____ Records shown

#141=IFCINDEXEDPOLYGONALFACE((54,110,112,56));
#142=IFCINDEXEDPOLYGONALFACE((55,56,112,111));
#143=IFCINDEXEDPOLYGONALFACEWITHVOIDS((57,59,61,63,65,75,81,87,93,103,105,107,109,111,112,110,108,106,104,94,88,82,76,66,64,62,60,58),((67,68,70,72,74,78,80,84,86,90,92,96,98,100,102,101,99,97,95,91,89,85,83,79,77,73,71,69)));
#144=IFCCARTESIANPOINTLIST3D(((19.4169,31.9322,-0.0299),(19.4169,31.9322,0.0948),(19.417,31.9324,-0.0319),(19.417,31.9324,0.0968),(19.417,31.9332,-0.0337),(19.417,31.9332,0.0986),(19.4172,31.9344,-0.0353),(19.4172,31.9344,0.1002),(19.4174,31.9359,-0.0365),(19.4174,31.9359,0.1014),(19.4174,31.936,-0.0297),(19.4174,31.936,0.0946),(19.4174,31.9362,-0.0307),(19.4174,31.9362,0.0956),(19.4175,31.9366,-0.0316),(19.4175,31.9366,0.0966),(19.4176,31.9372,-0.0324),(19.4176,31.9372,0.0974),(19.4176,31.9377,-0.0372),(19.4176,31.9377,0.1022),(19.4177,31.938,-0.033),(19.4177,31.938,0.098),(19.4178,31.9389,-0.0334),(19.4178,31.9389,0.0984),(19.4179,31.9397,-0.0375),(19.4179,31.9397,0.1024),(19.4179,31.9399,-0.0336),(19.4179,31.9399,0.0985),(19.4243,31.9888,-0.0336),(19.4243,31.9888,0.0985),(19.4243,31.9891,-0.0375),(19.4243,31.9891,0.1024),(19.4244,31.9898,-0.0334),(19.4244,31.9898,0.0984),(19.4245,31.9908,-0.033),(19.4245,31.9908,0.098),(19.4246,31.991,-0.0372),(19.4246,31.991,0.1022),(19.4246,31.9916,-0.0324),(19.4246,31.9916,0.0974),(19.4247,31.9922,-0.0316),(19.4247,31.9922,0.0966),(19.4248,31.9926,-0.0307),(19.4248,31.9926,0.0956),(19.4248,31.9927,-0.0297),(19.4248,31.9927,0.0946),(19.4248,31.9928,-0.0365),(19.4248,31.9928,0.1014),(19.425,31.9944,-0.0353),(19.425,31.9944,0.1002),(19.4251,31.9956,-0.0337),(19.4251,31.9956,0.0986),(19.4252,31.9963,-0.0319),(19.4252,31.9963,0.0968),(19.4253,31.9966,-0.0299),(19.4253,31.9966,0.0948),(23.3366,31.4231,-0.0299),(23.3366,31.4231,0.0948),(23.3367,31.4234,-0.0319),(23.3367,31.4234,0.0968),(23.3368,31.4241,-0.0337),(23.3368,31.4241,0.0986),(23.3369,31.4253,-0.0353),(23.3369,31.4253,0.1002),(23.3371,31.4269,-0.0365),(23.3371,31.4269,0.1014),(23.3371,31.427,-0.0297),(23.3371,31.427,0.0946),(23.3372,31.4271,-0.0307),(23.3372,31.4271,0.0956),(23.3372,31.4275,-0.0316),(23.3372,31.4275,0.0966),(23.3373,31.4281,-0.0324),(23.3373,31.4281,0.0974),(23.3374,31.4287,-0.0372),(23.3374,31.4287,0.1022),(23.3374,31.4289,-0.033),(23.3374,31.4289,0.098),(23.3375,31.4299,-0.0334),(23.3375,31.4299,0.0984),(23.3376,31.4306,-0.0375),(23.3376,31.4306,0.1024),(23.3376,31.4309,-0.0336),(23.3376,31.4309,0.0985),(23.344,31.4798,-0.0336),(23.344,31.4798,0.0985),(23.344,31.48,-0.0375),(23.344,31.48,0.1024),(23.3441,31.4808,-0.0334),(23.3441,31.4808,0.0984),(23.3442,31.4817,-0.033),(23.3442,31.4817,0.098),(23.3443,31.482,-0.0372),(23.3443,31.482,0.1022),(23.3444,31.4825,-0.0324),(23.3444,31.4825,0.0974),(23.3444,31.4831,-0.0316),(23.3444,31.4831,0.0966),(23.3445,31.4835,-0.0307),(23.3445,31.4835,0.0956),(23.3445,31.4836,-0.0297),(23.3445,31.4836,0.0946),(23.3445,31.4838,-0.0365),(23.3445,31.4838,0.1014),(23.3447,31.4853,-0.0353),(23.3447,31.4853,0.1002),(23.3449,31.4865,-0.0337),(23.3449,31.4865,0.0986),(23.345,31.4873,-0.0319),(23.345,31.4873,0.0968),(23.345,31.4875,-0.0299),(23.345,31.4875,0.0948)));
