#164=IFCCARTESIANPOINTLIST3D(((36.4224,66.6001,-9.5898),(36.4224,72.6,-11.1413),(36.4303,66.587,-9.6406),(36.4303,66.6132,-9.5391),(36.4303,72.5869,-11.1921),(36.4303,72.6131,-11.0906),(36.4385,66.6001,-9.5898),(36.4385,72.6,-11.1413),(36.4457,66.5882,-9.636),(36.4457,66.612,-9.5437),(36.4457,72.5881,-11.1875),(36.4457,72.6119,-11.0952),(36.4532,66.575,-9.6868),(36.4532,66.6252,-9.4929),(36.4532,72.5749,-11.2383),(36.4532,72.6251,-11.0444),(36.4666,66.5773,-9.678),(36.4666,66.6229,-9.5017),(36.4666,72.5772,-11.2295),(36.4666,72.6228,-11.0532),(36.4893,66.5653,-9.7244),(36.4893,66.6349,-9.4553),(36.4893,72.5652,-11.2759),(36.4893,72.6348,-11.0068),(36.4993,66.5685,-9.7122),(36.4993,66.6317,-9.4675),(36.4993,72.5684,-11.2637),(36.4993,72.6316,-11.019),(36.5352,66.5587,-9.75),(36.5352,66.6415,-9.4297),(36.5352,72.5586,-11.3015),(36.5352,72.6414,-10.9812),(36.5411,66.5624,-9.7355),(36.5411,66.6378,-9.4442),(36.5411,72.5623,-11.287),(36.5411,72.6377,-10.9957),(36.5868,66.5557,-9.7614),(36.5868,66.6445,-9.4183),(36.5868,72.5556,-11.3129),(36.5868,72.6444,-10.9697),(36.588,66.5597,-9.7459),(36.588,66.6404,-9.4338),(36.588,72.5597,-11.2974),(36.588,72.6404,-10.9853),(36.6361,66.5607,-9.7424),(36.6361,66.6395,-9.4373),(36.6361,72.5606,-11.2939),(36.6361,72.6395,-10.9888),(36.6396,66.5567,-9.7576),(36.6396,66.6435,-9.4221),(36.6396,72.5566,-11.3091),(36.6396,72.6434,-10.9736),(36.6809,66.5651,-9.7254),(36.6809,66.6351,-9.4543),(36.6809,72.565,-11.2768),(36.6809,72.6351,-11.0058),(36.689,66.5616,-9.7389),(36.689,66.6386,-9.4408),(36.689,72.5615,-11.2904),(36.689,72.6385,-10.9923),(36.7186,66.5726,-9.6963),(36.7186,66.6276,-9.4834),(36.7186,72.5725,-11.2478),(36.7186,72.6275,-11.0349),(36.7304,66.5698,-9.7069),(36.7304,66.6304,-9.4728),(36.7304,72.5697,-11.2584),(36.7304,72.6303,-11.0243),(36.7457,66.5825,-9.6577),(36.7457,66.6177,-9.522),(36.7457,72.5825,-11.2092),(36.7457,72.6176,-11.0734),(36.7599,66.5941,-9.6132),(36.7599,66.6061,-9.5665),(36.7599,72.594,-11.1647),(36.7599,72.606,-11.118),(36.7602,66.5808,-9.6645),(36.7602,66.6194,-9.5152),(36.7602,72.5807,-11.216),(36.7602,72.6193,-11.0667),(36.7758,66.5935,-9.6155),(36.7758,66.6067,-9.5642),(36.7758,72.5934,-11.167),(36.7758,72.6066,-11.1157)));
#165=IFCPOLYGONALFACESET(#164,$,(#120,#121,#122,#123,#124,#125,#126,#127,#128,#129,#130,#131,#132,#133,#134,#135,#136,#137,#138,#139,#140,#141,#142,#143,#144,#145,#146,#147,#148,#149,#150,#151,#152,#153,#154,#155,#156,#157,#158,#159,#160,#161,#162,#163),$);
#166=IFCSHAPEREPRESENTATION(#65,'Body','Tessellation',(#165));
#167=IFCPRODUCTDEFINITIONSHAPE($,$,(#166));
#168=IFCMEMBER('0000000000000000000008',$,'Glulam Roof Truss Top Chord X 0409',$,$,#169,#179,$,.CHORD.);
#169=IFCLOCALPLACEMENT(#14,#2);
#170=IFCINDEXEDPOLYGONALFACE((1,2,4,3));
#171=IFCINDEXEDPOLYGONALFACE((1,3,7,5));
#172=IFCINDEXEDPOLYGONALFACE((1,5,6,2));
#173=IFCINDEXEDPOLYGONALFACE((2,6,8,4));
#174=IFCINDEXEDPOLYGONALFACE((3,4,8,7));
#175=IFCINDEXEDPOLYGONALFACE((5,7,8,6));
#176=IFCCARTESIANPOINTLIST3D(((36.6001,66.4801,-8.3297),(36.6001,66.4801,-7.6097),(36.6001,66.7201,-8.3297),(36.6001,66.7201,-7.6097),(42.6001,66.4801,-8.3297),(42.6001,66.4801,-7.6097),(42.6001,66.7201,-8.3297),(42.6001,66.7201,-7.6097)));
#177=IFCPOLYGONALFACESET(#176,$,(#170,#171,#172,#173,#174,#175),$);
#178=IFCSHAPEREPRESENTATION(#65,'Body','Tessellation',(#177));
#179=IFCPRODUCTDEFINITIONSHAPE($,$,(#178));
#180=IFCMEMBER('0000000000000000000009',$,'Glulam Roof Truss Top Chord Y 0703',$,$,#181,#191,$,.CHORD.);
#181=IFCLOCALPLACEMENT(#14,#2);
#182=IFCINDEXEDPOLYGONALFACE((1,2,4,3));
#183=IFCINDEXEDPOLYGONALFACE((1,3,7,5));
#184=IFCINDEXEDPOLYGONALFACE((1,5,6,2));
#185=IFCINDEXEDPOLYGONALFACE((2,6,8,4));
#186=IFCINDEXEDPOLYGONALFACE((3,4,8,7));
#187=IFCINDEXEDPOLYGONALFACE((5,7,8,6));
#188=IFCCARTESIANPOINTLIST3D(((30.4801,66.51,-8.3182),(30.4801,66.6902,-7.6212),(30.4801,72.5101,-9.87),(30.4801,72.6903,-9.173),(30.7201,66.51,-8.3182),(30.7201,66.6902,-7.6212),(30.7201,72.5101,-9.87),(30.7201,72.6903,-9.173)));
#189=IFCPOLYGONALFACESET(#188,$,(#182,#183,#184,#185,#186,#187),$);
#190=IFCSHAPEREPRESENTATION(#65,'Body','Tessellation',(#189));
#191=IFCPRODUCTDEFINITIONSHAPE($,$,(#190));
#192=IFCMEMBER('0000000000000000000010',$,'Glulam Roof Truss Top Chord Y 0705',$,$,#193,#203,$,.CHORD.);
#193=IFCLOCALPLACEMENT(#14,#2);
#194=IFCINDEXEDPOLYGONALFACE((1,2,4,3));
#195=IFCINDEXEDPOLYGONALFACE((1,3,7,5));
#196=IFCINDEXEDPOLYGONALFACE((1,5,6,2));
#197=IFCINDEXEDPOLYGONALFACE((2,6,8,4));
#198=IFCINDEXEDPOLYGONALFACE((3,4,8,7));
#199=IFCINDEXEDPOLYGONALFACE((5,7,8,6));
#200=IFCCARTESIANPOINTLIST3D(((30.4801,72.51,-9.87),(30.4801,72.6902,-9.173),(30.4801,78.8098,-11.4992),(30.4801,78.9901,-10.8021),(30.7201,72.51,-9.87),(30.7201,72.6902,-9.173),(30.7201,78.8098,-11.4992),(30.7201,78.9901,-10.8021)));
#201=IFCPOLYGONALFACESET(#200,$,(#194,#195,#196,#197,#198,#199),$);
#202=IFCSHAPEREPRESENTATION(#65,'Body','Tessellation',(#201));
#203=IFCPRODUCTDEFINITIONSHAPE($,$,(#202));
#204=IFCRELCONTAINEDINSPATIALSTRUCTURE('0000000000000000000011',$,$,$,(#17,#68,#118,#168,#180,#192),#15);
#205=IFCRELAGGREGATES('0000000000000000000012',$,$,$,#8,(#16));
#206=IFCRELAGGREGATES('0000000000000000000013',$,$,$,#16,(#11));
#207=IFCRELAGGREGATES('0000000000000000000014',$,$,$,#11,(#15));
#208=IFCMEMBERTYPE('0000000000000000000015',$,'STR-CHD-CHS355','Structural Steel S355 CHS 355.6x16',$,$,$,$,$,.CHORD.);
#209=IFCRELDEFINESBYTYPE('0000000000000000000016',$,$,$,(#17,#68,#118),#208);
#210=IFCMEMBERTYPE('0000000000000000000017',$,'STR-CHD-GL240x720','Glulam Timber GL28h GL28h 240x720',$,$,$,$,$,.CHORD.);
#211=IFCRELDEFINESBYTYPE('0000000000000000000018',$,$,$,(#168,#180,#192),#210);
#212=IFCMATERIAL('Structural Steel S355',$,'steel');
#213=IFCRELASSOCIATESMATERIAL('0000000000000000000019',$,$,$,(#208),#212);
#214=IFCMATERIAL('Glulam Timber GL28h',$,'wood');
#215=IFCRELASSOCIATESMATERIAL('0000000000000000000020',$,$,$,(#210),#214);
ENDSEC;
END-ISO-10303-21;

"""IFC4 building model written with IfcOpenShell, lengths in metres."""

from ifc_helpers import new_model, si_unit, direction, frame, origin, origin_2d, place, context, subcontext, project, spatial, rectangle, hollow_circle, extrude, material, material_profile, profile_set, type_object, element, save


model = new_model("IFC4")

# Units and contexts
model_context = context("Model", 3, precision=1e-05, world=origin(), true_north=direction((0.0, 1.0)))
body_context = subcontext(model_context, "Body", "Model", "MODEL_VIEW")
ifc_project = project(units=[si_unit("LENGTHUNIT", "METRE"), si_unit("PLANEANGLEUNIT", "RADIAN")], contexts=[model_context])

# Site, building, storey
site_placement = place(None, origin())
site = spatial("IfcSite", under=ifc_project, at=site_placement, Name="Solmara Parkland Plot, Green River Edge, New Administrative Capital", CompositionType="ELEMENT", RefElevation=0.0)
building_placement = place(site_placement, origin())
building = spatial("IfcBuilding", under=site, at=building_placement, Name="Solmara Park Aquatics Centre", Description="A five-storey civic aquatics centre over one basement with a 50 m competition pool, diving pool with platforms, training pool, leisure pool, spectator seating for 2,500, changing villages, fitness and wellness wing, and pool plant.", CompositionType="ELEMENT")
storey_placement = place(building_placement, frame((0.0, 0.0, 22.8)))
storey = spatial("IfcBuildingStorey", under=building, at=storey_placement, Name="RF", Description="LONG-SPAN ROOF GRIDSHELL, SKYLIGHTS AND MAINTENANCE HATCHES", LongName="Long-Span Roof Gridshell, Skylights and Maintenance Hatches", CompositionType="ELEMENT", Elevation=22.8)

________

#### Activity:
The reply should consist solely of the lines above from the one that has "#193=IFCLOCALPLACEMENT(#14,#2);" through the one that has "#214=IFCMATERIAL('Glulam Timber GL28h',$,'wood');", reproduced exactly.

#### Your solution:
#193=IFCLOCALPLACEMENT(#14,#2);
#194=IFCINDEXEDPOLYGONALFACE((1,2,4,3));
#195=IFCINDEXEDPOLYGONALFACE((1,3,7,5));
#196=IFCINDEXEDPOLYGONALFACE((1,5,6,2));
#197=IFCINDEXEDPOLYGONALFACE((2,6,8,4));
#198=IFCINDEXEDPOLYGONALFACE((3,4,8,7));
#199=IFCINDEXEDPOLYGONALFACE((5,7,8,6));
#200=IFCCARTESIANPOINTLIST3D(((30.4801,72.51,-9.87),(30.4801,72.6902,-9.173),(30.4801,78.8098,-11.4992),(30.4801,78.9901,-10.8021),(30.7201,72.51,-9.87),(30.7201,72.6902,-9.173),(30.7201,78.8098,-11.4992),(30.7201,78.9901,-10.8021)));
#201=IFCPOLYGONALFACESET(#200,$,(#194,#195,#196,#197,#198,#199),$);
#202=IFCSHAPEREPRESENTATION(#65,'Body','Tessellation',(#201));
#203=IFCPRODUCTDEFINITIONSHAPE($,$,(#202));
#204=IFCRELCONTAINEDINSPATIALSTRUCTURE('0000000000000000000011',$,$,$,(#17,#68,#118,#168,#180,#192),#15);
#205=IFCRELAGGREGATES('0000000000000000000012',$,$,$,#8,(#16));
#206=IFCRELAGGREGATES('0000000000000000000013',$,$,$,#16,(#11));
#207=IFCRELAGGREGATES('0000000000000000000014',$,$,$,#11,(#15));
#208=IFCMEMBERTYPE('0000000000000000000015',$,'STR-CHD-CHS355','Structural Steel S355 CHS 355.6x16',$,$,$,$,$,.CHORD.);
#209=IFCRELDEFINESBYTYPE('0000000000000000000016',$,$,$,(#17,#68,#118),#208);
#210=IFCMEMBERTYPE('0000000000000000000017',$,'STR-CHD-GL240x720','Glulam Timber GL28h GL28h 240x720',$,$,$,$,$,.CHORD.);
#211=IFCRELDEFINESBYTYPE('0000000000000000000018',$,$,$,(#168,#180,#192),#210);
#212=IFCMATERIAL('Structural Steel S355',$,'steel');
#213=IFCRELASSOCIATESMATERIAL('0000000000000000000019',$,$,$,(#208),#212);
#214=IFCMATERIAL('Glulam Timber GL28h',$,'wood');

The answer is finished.